TASK REQUIREMENTS: Would you filter the listing below so that only lines with the word "where" remain?

SOURCE RECORDS Start Marker

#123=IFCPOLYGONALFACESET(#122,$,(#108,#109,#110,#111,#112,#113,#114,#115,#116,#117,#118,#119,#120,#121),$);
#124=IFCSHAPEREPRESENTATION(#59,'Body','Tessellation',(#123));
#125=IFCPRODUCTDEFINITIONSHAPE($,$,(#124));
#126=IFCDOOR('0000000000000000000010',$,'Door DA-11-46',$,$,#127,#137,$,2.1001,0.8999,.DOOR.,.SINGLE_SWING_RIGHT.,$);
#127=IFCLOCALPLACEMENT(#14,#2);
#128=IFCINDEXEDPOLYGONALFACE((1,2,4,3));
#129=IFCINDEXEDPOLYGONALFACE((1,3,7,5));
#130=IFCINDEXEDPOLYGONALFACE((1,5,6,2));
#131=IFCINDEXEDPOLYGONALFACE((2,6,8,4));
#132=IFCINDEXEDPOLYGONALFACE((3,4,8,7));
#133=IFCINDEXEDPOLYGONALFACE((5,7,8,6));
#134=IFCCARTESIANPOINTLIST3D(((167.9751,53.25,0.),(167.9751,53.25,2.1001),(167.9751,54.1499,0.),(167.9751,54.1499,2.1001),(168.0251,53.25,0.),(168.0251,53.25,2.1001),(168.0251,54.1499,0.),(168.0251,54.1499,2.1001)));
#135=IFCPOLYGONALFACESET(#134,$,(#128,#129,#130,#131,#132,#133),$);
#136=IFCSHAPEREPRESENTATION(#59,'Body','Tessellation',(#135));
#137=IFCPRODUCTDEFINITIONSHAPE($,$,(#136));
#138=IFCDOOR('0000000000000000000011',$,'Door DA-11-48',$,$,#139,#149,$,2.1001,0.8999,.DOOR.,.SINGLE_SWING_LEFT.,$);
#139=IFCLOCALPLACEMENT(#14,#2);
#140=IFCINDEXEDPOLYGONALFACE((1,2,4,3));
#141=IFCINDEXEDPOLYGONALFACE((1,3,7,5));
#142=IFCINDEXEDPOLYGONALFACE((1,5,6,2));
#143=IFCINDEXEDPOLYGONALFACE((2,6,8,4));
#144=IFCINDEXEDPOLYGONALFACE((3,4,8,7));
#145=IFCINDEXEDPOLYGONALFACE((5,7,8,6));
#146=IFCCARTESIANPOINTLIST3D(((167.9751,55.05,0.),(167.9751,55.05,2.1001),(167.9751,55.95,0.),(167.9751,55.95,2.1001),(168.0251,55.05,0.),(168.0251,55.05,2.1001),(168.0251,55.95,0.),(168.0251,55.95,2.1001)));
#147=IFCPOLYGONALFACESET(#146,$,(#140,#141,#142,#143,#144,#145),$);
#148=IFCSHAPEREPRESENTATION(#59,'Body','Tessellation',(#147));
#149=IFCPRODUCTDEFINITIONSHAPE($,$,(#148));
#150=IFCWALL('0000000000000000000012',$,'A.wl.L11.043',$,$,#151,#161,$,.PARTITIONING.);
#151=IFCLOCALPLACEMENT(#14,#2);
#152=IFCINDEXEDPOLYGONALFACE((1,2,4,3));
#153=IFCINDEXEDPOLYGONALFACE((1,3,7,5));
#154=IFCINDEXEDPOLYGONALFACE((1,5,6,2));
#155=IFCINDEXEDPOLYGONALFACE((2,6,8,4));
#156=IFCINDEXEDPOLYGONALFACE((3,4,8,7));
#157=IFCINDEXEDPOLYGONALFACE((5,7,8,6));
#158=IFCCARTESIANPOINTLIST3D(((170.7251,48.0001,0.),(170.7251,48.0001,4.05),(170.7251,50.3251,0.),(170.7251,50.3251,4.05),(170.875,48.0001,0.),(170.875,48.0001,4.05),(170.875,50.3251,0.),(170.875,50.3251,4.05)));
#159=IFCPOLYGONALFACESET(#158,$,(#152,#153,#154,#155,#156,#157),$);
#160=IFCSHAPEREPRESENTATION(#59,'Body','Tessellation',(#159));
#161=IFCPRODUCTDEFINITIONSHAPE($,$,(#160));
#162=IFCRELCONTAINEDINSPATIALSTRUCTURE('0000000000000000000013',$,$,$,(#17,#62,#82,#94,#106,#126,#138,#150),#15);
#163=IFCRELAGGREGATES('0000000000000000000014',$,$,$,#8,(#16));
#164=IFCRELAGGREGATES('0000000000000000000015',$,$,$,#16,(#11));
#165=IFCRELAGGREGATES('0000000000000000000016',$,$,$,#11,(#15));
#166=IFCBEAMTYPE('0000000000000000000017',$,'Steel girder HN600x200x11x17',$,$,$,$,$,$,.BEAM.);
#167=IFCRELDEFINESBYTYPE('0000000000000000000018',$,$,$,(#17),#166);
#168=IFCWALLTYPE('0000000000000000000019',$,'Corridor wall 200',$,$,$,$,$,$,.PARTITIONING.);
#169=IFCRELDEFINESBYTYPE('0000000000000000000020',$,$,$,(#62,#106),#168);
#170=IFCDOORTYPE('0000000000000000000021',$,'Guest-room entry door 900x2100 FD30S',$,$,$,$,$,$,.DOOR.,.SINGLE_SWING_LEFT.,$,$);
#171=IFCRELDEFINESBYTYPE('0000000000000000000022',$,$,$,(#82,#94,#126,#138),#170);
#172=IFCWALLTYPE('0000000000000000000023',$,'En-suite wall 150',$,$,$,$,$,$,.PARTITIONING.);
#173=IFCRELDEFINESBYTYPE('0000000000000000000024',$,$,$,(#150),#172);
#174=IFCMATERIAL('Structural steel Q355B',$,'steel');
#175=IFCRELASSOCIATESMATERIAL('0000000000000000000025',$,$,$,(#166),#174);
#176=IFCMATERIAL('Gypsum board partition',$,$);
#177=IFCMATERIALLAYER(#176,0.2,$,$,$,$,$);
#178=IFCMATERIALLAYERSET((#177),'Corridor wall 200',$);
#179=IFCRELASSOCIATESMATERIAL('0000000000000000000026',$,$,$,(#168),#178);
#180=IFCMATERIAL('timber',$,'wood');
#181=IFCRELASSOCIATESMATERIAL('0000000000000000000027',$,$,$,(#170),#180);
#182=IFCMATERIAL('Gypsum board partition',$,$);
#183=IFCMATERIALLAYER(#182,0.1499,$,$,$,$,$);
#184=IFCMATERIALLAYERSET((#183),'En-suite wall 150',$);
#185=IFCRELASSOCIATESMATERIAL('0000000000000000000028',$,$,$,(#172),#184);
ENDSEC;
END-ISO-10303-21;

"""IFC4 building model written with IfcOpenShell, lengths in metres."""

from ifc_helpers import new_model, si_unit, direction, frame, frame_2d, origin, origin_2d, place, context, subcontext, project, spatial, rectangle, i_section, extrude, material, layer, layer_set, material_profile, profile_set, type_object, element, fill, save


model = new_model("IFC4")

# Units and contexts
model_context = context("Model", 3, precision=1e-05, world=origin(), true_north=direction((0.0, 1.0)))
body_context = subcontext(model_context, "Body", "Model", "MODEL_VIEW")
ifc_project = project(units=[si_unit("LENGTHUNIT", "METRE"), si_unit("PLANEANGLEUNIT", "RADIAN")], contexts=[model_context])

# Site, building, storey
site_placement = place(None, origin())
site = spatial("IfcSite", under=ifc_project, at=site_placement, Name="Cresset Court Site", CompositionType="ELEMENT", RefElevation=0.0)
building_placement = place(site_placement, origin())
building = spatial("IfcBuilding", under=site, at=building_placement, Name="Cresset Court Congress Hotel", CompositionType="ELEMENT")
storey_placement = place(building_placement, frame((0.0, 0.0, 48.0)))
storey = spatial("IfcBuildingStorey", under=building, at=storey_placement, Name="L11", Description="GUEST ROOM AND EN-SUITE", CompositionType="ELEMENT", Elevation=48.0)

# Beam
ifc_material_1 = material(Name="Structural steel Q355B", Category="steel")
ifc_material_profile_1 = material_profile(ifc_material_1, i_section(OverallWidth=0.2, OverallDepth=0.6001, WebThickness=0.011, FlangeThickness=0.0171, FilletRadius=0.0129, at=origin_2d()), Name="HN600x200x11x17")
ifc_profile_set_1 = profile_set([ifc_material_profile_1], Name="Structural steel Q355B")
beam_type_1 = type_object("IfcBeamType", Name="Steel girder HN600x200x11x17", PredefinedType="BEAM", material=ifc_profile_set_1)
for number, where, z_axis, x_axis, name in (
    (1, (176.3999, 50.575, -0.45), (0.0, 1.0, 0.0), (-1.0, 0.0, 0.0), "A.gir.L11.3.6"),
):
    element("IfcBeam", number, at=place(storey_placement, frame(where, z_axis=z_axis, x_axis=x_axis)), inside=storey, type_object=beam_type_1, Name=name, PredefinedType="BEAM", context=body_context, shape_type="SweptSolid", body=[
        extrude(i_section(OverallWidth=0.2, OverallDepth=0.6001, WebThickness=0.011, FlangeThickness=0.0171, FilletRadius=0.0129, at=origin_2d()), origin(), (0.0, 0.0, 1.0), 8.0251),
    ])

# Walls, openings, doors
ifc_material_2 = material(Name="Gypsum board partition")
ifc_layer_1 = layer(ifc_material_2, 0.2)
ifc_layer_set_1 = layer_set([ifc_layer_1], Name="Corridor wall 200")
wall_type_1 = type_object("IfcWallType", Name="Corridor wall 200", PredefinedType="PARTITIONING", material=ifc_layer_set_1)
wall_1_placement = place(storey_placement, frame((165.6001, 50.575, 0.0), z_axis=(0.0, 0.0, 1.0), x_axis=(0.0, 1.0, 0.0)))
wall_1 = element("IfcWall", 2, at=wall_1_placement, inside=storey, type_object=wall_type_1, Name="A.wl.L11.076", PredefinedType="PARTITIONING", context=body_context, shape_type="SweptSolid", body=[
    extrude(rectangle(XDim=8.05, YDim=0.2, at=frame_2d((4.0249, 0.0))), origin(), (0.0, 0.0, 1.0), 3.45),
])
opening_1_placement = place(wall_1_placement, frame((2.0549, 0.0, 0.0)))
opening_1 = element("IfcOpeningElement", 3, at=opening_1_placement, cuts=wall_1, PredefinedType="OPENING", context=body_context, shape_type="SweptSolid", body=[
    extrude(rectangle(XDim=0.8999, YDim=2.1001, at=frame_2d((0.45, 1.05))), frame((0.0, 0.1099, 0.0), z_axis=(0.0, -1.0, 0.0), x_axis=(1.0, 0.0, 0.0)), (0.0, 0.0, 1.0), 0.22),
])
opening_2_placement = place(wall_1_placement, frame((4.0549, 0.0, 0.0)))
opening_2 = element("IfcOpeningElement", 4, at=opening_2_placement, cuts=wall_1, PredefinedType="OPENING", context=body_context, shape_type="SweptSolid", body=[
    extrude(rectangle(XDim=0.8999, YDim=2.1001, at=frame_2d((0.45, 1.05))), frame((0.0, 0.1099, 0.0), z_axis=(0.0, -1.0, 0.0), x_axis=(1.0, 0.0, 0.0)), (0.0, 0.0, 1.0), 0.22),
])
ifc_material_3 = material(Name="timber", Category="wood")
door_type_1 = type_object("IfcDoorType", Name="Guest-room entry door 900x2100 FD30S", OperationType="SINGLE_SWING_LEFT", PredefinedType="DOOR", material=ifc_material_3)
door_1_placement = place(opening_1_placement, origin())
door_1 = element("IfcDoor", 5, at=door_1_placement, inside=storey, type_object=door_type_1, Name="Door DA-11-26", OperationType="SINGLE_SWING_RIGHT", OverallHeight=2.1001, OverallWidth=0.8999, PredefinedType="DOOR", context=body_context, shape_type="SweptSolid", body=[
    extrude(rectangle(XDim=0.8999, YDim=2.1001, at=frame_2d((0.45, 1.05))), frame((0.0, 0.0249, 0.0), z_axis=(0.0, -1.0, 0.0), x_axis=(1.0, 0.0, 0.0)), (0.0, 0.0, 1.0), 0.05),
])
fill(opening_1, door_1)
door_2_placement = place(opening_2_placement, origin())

SOURCE RECORDS End Marker

THE ANSWER:
for number, where, z_axis, x_axis, name in (
    element("IfcBeam", number, at=place(storey_placement, frame(where, z_axis=z_axis, x_axis=x_axis)), inside=storey, type_object=beam_type_1, Name=name, PredefinedType="BEAM", context=body_context, shape_type="SweptSolid", body=[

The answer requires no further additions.